■ **What this task involves**: Of the lines below, write out exactly those from the line with "#178=IFCMATERIAL('Walnut veneer hotel" through the line with "frame((0.0, 0.0, 122.2)))", both included, and skip the rest.

-------- Material to process

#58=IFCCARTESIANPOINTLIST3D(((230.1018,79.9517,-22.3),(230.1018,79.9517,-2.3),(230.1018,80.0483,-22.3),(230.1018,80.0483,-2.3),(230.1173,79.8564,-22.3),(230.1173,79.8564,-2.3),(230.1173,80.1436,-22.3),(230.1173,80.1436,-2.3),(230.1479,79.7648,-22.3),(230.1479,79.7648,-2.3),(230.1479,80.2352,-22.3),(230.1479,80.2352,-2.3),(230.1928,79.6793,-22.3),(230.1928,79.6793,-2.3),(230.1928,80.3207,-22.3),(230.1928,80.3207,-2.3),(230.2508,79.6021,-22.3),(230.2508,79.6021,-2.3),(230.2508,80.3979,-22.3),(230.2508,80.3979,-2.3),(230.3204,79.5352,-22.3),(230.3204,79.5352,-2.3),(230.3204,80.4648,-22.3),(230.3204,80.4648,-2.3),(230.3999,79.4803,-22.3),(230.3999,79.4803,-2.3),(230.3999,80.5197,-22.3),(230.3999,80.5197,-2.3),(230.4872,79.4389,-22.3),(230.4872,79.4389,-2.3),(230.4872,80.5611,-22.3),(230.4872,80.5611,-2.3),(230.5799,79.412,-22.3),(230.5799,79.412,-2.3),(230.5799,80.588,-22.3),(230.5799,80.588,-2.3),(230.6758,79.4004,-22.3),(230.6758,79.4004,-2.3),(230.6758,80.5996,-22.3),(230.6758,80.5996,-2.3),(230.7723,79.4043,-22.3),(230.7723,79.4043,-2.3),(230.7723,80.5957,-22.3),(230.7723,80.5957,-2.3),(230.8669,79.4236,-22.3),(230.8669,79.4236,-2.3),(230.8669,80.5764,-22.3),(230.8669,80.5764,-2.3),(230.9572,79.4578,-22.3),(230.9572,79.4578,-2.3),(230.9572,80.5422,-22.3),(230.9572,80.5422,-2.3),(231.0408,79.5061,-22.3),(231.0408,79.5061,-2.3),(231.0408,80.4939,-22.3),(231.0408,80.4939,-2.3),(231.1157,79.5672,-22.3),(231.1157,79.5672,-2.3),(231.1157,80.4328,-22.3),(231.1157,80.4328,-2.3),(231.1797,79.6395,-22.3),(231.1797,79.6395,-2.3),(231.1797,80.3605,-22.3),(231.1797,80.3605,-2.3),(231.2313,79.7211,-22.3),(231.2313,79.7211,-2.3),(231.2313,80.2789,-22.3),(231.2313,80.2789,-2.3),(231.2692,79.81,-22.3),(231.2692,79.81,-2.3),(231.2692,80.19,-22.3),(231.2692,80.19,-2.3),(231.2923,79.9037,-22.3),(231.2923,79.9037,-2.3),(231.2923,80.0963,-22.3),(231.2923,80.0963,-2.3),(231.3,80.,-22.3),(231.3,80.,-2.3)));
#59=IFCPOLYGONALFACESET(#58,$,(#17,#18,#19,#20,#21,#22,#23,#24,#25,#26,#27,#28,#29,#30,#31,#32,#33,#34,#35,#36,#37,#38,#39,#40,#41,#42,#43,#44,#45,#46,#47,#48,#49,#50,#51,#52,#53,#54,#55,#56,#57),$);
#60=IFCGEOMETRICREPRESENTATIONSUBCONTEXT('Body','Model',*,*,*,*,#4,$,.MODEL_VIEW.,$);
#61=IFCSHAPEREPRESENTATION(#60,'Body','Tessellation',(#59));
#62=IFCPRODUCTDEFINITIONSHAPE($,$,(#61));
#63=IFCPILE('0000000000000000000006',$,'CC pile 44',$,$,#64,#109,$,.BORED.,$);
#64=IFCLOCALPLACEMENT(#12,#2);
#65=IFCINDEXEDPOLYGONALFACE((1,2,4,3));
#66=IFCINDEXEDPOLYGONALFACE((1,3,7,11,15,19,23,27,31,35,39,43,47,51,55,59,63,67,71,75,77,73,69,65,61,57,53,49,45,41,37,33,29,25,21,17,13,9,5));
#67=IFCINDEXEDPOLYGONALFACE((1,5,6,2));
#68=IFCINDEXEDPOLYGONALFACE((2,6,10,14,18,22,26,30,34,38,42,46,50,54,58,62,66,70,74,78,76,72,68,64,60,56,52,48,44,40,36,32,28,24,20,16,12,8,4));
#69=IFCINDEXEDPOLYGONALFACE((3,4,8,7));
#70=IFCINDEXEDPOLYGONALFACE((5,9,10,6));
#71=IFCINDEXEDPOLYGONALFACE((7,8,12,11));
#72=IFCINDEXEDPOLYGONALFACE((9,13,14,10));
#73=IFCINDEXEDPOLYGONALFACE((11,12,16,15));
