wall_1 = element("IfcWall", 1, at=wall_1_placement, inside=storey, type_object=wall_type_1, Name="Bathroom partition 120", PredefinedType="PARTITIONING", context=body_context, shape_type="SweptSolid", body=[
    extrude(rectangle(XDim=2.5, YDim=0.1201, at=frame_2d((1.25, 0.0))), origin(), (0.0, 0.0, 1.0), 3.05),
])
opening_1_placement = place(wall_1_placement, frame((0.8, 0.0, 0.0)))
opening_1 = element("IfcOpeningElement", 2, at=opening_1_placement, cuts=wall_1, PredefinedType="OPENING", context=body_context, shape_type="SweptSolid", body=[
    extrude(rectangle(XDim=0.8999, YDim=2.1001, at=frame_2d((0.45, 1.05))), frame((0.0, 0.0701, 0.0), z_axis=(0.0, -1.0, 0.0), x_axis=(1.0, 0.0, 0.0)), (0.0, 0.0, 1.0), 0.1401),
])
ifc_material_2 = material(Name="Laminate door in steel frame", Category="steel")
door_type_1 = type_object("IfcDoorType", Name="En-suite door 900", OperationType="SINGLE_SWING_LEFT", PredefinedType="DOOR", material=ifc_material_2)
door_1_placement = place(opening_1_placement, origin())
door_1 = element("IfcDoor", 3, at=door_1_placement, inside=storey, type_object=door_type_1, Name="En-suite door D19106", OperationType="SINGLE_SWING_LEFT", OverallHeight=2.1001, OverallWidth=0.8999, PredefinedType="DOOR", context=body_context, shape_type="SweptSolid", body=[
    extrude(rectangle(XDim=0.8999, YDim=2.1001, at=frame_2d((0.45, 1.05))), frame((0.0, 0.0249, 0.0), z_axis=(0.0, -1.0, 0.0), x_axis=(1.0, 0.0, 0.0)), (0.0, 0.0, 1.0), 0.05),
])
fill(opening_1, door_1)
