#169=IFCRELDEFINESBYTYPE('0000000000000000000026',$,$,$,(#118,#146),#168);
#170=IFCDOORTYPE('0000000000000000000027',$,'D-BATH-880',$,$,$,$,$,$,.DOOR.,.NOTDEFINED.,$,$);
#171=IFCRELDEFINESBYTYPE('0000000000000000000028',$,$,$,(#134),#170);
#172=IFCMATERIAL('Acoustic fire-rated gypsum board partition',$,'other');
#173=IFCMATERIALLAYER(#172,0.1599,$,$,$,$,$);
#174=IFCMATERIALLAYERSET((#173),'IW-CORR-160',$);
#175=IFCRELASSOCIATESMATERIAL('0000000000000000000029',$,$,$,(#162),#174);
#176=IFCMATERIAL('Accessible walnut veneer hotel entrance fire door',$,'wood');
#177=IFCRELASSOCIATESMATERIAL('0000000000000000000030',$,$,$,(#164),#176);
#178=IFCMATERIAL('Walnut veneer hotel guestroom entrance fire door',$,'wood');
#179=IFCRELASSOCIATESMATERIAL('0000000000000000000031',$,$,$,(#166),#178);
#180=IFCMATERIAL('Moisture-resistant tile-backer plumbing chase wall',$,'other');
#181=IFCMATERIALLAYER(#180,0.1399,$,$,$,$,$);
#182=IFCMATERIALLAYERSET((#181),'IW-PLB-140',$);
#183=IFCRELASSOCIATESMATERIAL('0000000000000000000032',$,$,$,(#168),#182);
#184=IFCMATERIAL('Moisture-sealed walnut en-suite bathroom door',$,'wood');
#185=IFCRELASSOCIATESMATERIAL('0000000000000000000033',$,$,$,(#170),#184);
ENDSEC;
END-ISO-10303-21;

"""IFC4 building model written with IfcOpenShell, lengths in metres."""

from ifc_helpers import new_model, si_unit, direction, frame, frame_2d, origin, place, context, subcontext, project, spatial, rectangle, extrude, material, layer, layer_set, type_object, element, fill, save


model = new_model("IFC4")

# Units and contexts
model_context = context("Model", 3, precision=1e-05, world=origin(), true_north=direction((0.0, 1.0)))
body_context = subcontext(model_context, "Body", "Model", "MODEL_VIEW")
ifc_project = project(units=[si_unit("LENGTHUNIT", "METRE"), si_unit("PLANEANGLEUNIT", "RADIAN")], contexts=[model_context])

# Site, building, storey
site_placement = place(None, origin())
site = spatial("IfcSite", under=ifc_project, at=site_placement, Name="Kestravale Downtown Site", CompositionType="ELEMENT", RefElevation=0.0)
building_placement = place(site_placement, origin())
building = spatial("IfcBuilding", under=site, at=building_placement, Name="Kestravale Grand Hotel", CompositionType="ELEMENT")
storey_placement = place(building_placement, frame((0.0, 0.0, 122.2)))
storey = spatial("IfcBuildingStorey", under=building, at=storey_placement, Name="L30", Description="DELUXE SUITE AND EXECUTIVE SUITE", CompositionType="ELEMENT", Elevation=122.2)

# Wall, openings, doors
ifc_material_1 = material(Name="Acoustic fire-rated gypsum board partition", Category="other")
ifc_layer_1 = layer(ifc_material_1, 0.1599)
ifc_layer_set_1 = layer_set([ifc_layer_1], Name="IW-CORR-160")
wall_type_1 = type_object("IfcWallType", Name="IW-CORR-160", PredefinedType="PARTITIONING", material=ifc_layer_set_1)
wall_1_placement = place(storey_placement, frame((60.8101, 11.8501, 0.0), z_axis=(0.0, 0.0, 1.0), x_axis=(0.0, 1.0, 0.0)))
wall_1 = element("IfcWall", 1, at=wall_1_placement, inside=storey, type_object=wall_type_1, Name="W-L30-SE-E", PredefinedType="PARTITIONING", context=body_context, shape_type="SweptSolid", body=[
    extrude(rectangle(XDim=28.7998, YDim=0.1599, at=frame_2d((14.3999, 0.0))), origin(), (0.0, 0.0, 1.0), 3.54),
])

----------------

■ **Output below**:
#178=IFCMATERIAL('Walnut veneer hotel guestroom entrance fire door',$,'wood');
#179=IFCRELASSOCIATESMATERIAL('0000000000000000000031',$,$,$,(#166),#178);
#180=IFCMATERIAL('Moisture-resistant tile-backer plumbing chase wall',$,'other');
#181=IFCMATERIALLAYER(#180,0.1399,$,$,$,$,$);
#182=IFCMATERIALLAYERSET((#181),'IW-PLB-140',$);
#183=IFCRELASSOCIATESMATERIAL('0000000000000000000032',$,$,$,(#168),#182);
#184=IFCMATERIAL('Moisture-sealed walnut en-suite bathroom door',$,'wood');
#185=IFCRELASSOCIATESMATERIAL('0000000000000000000033',$,$,$,(#170),#184);
ENDSEC;
END-ISO-10303-21;

"""IFC4 building model written with IfcOpenShell, lengths in metres."""

from ifc_helpers import new_model, si_unit, direction, frame, frame_2d, origin, place, context, subcontext, project, spatial, rectangle, extrude, material, layer, layer_set, type_object, element, fill, save


model = new_model("IFC4")

# Units and contexts
model_context = context("Model", 3, precision=1e-05, world=origin(), true_north=direction((0.0, 1.0)))
body_context = subcontext(model_context, "Body", "Model", "MODEL_VIEW")
ifc_project = project(units=[si_unit("LENGTHUNIT", "METRE"), si_unit("PLANEANGLEUNIT", "RADIAN")], contexts=[model_context])

# Site, building, storey
site_placement = place(None, origin())
site = spatial("IfcSite", under=ifc_project, at=site_placement, Name="Kestravale Downtown Site", CompositionType="ELEMENT", RefElevation=0.0)
building_placement = place(site_placement, origin())
building = spatial("IfcBuilding", under=site, at=building_placement, Name="Kestravale Grand Hotel", CompositionType="ELEMENT")
storey_placement = place(building_placement, frame((0.0, 0.0, 122.2)))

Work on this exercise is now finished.